## [EXERCISE OBJECTIVE]
Counting the line with "rainscreen wall, aluminium" as the last one, copy out the lines of the data exactly from the first onward.

## [MATERIAL PROVIDED]
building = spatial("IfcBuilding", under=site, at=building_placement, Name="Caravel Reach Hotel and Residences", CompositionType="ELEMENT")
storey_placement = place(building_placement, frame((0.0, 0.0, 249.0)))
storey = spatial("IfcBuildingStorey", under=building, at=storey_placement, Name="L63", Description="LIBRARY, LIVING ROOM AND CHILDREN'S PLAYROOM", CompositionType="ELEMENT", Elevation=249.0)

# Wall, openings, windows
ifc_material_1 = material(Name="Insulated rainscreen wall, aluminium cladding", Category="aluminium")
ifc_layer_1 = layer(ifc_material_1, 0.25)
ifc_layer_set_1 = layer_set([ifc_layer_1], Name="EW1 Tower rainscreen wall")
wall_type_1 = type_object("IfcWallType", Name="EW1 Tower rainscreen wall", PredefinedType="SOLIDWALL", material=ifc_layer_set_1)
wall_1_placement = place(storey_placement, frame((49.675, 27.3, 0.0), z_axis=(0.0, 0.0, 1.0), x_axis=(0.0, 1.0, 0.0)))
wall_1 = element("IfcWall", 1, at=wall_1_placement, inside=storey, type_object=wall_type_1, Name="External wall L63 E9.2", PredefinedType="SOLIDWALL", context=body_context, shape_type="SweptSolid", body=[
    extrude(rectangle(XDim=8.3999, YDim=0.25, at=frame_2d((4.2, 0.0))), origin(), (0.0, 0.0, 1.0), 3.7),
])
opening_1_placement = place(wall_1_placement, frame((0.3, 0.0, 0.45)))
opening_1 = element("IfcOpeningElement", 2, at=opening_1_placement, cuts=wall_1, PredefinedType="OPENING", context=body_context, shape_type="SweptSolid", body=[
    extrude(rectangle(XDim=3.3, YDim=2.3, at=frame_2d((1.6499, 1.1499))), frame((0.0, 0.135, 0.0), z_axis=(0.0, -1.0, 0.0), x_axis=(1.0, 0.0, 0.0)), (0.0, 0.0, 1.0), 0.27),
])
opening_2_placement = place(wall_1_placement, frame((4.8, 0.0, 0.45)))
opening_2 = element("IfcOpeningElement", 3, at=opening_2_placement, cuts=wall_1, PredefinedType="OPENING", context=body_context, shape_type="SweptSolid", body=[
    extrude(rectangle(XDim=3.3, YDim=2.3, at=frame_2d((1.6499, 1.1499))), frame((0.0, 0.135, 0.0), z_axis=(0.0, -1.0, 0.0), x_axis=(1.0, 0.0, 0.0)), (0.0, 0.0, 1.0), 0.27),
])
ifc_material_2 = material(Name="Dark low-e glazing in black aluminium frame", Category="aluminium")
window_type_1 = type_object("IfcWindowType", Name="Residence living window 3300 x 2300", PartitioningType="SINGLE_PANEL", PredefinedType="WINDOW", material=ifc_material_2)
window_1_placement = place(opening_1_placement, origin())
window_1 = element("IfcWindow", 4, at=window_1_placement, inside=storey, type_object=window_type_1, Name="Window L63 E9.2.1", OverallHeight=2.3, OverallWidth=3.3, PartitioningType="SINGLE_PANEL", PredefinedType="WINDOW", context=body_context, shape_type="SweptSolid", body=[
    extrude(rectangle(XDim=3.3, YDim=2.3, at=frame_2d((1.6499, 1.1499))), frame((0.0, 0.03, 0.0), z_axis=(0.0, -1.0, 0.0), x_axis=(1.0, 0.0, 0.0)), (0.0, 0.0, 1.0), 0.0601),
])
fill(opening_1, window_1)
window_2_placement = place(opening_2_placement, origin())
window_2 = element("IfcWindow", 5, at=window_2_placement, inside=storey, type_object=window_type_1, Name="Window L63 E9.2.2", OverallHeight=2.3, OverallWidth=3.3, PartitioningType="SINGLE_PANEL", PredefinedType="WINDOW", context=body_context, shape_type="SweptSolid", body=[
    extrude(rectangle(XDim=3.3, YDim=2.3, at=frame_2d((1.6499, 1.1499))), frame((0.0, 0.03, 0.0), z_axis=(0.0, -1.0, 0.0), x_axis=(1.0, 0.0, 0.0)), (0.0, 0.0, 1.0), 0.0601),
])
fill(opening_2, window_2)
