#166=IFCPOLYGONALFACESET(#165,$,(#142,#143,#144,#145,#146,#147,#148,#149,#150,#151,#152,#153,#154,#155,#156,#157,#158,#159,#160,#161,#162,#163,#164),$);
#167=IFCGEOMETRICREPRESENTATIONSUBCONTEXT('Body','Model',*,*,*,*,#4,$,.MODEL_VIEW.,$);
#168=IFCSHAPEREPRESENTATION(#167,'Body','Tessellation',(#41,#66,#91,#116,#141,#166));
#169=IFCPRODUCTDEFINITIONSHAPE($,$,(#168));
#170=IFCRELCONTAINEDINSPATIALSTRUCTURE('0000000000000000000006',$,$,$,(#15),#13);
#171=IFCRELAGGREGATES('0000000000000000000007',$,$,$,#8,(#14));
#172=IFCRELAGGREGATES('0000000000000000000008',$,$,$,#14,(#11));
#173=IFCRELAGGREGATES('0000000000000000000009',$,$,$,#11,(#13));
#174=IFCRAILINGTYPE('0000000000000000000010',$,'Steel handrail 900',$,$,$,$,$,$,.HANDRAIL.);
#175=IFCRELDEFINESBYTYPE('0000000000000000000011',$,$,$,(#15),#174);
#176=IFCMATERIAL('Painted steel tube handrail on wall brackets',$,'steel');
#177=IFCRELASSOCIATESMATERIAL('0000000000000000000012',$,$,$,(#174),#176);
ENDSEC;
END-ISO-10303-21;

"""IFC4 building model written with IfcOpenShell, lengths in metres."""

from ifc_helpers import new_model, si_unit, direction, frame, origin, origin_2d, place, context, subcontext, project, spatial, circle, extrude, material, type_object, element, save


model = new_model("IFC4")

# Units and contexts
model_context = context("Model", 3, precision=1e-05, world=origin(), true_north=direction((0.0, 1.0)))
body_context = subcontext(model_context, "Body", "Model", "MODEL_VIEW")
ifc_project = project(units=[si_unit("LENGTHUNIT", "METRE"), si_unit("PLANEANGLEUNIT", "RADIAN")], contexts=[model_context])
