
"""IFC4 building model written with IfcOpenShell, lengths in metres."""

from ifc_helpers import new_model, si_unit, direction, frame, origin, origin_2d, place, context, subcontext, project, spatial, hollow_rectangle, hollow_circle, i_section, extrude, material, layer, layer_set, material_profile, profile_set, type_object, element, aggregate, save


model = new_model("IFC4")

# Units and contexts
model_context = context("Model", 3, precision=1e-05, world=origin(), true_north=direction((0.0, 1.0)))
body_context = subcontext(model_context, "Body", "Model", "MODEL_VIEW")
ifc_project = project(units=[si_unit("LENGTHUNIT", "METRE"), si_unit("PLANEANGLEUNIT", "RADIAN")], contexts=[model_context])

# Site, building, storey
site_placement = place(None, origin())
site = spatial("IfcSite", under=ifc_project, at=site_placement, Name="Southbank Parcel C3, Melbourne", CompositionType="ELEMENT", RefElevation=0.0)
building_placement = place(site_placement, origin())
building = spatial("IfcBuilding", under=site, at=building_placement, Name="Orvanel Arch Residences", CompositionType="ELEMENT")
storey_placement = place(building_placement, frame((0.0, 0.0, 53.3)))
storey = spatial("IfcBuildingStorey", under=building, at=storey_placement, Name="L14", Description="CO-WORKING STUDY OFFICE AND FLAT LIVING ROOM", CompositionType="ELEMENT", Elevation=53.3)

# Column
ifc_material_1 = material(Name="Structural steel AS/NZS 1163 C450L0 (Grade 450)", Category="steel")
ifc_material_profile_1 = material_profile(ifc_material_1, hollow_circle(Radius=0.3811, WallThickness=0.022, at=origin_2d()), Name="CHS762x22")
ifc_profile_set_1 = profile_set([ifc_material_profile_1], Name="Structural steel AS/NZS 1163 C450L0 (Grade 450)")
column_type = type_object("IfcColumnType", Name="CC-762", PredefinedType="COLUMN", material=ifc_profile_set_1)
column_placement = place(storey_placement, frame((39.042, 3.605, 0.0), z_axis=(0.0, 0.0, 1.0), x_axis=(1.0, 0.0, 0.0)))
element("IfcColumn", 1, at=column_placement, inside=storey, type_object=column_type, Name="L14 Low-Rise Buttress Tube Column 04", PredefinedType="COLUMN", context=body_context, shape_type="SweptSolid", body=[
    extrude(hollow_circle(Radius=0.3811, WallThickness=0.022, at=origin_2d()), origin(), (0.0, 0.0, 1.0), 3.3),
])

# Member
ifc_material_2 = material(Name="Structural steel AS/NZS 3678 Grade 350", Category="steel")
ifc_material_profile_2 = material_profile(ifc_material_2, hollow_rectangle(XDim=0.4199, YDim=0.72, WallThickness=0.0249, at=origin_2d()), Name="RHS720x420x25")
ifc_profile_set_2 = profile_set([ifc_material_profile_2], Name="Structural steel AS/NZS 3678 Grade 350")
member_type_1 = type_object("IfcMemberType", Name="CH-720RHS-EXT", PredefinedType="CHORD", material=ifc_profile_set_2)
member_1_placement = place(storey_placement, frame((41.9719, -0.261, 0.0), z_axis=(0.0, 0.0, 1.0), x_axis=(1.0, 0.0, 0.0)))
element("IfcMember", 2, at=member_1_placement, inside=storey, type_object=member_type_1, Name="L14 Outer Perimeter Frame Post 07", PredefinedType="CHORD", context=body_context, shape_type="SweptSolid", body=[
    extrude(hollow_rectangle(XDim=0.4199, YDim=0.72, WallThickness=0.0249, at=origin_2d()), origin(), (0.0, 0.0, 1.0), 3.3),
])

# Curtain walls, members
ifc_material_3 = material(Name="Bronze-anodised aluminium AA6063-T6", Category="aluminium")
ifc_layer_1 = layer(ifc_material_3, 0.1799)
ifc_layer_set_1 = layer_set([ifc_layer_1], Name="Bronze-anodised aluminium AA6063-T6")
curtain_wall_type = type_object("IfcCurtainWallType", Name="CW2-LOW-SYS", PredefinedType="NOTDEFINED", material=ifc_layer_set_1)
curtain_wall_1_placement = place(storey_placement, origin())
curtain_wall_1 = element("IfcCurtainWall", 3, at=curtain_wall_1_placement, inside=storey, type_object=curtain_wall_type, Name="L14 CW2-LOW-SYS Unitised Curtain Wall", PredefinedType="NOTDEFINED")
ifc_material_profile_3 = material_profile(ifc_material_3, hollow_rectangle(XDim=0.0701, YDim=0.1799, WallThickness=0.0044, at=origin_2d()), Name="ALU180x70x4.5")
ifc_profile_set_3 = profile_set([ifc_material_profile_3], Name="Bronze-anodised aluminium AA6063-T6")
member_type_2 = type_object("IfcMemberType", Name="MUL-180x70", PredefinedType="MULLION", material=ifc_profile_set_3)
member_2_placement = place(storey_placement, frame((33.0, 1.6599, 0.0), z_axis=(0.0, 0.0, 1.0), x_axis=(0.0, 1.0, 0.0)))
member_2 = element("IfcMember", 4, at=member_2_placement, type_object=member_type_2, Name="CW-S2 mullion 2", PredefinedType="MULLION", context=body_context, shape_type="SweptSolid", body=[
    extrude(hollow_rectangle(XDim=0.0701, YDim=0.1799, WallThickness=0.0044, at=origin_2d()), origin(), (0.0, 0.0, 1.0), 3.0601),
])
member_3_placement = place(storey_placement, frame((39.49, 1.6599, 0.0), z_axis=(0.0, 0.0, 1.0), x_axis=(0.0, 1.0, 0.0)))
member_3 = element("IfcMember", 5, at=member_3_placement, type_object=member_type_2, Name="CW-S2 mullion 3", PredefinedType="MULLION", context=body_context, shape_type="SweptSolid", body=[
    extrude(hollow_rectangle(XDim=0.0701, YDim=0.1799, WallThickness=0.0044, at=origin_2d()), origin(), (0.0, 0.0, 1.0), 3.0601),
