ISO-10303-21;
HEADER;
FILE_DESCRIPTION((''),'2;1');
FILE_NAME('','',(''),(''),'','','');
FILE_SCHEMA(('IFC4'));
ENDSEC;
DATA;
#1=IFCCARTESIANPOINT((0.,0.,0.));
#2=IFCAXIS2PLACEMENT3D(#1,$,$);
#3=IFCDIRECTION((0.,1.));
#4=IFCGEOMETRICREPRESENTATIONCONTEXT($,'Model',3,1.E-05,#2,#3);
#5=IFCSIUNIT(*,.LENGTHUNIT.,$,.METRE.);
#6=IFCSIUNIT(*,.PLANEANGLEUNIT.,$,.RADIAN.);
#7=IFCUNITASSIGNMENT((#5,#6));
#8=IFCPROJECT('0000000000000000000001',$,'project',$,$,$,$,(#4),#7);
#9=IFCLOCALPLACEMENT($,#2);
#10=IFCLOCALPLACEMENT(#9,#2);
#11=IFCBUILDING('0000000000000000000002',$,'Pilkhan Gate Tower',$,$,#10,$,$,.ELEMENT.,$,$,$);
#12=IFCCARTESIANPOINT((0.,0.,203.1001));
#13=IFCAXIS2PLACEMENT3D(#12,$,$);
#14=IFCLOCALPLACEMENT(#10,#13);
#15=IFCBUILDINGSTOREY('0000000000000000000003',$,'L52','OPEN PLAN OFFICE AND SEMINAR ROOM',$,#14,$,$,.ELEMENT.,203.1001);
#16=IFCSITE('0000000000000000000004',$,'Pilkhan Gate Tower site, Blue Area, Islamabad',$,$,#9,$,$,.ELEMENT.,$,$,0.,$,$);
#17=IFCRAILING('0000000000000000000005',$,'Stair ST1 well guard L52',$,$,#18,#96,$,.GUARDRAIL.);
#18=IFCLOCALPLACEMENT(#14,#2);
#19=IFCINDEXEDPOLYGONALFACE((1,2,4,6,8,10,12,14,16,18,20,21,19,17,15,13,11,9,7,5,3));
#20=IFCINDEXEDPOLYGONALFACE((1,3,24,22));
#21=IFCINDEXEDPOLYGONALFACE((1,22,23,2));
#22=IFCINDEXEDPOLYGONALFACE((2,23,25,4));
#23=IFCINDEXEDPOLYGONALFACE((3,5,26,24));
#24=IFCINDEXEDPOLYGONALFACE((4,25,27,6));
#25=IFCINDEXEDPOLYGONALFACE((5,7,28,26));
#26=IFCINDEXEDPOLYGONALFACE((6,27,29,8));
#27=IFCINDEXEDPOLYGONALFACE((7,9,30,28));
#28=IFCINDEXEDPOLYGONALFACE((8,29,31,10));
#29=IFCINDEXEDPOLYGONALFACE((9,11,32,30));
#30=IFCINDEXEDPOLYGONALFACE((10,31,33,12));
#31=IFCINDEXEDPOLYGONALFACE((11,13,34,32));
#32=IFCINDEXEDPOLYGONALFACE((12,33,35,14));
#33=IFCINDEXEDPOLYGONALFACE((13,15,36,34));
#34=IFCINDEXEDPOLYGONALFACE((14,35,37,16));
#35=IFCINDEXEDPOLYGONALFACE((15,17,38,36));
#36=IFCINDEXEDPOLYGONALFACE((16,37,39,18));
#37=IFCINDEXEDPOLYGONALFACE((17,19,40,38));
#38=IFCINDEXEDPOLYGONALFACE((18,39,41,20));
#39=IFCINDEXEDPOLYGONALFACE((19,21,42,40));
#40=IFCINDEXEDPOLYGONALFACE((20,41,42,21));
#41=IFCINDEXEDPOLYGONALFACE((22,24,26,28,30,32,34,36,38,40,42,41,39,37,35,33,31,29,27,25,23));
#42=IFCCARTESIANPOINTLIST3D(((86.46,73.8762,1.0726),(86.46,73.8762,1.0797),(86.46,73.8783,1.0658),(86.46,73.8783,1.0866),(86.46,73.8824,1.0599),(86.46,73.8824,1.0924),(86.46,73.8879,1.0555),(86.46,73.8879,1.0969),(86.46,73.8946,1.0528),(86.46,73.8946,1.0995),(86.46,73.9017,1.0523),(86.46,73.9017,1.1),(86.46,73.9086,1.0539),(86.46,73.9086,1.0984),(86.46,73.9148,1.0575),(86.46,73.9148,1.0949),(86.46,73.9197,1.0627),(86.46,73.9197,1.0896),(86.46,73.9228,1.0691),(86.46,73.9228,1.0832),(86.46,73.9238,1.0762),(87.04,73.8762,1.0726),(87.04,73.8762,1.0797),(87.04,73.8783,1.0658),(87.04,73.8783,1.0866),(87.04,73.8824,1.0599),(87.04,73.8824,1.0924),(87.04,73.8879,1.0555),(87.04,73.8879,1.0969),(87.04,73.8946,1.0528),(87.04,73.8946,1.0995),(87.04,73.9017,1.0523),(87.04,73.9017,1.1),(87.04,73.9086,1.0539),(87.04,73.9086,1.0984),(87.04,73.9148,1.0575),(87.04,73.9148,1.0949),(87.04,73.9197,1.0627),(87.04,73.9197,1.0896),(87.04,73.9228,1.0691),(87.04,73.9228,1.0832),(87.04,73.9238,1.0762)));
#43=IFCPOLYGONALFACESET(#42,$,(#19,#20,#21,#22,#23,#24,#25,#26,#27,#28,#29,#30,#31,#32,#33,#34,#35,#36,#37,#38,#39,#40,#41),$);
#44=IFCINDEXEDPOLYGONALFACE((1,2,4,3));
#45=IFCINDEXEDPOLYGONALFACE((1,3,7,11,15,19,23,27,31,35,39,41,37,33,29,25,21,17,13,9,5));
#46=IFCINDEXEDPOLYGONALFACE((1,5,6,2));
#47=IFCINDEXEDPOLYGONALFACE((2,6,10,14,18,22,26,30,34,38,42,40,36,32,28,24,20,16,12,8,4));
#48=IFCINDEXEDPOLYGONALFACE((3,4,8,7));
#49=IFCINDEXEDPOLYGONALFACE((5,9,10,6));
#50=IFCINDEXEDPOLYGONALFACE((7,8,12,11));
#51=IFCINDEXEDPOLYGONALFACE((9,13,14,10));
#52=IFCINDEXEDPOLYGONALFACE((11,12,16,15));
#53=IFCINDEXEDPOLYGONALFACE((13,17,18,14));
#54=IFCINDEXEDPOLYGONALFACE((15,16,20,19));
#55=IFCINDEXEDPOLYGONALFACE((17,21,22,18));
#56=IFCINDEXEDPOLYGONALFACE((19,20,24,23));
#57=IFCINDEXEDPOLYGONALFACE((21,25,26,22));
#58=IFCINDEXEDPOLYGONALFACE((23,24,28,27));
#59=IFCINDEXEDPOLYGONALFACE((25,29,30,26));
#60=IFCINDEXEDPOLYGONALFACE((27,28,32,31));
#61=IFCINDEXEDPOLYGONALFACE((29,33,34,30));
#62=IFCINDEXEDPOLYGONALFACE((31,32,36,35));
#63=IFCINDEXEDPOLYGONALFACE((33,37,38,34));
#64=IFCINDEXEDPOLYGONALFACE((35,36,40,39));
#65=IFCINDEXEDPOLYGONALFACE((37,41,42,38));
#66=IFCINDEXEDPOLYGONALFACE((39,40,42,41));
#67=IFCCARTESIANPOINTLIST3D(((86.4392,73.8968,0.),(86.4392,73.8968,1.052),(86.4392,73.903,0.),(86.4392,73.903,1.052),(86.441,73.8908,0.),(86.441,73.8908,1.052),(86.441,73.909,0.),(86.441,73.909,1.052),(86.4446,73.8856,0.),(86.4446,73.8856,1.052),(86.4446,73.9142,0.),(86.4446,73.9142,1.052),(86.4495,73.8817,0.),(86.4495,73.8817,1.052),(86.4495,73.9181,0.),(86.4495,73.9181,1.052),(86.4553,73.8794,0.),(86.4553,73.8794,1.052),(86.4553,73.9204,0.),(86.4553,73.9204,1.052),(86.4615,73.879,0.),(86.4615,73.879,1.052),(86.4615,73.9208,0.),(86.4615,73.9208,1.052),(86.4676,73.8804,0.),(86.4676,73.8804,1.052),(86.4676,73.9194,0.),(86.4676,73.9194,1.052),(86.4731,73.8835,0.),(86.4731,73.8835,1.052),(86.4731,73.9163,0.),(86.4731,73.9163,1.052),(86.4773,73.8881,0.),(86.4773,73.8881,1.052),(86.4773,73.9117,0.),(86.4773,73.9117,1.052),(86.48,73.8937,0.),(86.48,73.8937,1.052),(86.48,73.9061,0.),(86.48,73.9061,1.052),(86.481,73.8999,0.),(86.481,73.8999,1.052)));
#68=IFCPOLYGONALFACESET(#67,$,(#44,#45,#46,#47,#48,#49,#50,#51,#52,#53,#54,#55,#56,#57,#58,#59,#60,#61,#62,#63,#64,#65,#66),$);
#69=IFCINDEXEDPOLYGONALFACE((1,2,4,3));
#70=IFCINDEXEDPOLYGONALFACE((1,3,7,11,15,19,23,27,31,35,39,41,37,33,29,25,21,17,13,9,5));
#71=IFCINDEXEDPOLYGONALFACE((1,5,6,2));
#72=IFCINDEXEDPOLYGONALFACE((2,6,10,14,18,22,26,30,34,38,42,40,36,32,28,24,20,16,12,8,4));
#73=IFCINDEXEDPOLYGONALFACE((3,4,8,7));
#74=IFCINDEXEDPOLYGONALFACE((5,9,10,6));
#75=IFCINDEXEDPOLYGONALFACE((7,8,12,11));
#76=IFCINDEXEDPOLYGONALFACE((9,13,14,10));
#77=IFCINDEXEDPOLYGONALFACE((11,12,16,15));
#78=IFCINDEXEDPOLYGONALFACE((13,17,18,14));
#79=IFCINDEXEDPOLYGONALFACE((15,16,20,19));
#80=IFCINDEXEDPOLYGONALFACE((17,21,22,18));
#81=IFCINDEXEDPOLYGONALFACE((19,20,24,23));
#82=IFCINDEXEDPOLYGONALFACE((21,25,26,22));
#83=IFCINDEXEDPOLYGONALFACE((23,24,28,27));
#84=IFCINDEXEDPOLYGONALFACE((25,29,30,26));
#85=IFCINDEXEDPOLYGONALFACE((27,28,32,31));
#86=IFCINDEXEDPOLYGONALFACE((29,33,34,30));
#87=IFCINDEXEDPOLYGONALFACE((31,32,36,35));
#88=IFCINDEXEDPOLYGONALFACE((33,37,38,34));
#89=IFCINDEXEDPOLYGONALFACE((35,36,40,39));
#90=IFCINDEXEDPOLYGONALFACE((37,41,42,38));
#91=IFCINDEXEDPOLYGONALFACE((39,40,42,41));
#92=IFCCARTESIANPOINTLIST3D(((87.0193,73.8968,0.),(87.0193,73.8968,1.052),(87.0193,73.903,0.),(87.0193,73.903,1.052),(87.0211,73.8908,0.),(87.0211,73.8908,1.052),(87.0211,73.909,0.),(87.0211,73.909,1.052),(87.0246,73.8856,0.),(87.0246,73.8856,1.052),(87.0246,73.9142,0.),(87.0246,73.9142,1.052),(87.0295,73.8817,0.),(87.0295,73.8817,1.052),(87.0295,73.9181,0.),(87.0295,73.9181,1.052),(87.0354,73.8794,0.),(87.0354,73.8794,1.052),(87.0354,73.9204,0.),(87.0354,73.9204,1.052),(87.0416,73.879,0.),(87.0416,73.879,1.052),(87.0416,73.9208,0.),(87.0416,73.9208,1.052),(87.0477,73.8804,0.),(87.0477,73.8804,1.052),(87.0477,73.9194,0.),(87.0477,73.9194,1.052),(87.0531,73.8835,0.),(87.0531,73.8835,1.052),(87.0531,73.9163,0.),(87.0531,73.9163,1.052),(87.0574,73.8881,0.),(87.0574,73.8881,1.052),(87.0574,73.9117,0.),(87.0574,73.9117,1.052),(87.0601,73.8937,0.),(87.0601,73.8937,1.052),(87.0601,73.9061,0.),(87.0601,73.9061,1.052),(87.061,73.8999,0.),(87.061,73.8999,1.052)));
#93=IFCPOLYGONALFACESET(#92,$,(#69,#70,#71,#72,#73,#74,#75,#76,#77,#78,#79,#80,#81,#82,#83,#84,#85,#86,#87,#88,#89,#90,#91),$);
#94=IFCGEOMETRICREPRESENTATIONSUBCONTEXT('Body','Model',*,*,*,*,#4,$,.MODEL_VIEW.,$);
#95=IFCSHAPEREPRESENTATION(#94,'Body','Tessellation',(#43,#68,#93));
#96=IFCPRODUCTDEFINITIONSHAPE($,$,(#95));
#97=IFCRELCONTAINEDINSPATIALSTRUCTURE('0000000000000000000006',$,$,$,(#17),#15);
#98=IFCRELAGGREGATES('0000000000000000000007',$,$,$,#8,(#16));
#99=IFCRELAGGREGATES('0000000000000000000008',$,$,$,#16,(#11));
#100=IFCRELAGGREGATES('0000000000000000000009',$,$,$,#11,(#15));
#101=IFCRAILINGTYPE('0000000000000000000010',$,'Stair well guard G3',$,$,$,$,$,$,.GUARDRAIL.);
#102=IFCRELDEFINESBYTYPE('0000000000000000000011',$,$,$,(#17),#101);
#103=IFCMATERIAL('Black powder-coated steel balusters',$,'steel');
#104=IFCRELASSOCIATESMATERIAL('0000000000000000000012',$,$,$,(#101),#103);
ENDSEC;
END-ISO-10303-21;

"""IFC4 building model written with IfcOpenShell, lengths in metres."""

from ifc_helpers import new_model, si_unit, direction, frame, origin, origin_2d, place, context, subcontext, project, spatial, circle, extrude, material, type_object, element, save


model = new_model("IFC4")

# Units and contexts
model_context = context("Model", 3, precision=1e-05, world=origin(), true_north=direction((0.0, 1.0)))
body_context = subcontext(model_context, "Body", "Model", "MODEL_VIEW")
ifc_project = project(units=[si_unit("LENGTHUNIT", "METRE"), si_unit("PLANEANGLEUNIT", "RADIAN")], contexts=[model_context])

# Site, building, storey
site_placement = place(None, origin())
site = spatial("IfcSite", under=ifc_project, at=site_placement, Name="Pilkhan Gate Tower site, Blue Area, Islamabad", CompositionType="ELEMENT", RefElevation=0.0)
building_placement = place(site_placement, origin())
building = spatial("IfcBuilding", under=site, at=building_placement, Name="Pilkhan Gate Tower", CompositionType="ELEMENT")
storey_placement = place(building_placement, frame((0.0, 0.0, 203.1001)))
storey = spatial("IfcBuildingStorey", under=building, at=storey_placement, Name="L52", Description="OPEN PLAN OFFICE AND SEMINAR ROOM", CompositionType="ELEMENT", Elevation=203.1001)

# Railing
ifc_material_1 = material(Name="Black powder-coated steel balusters", Category="steel")
railing_type_1 = type_object("IfcRailingType", Name="Stair well guard G3", PredefinedType="GUARDRAIL", material=ifc_material_1)
railing_1_placement = place(storey_placement, frame((86.46, 73.8999, 0.0)))
element("IfcRailing", 1, at=railing_1_placement, inside=storey, type_object=railing_type_1, Name="Stair ST1 well guard L52", PredefinedType="GUARDRAIL", context=body_context, shape_type="SweptSolid", body=[
    extrude(circle(Radius=0.0239, at=origin_2d()), frame((0.0, 0.0, 1.0762), z_axis=(1.0, 0.0, 0.0), x_axis=(0.0, 1.0, 0.0)), (0.0, 0.0, 1.0), 0.5801),
    extrude(circle(Radius=0.021, at=origin_2d()), origin(), (0.0, 0.0, 1.0), 1.052),
    extrude(circle(Radius=0.021, at=origin_2d()), frame((0.5801, 0.0, 0.0)), (0.0, 0.0, 1.0), 1.052),
])

save(model, "model.ifc")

## [EXERCISE RESULT]
building = spatial("IfcBuilding", under=site, at=building_placement, Name="Caravel Reach Hotel and Residences", CompositionType="ELEMENT")
storey_placement = place(building_placement, frame((0.0, 0.0, 249.0)))
storey = spatial("IfcBuildingStorey", under=building, at=storey_placement, Name="L63", Description="LIBRARY, LIVING ROOM AND CHILDREN'S PLAYROOM", CompositionType="ELEMENT", Elevation=249.0)

# Wall, openings, windows
ifc_material_1 = material(Name="Insulated rainscreen wall, aluminium cladding", Category="aluminium")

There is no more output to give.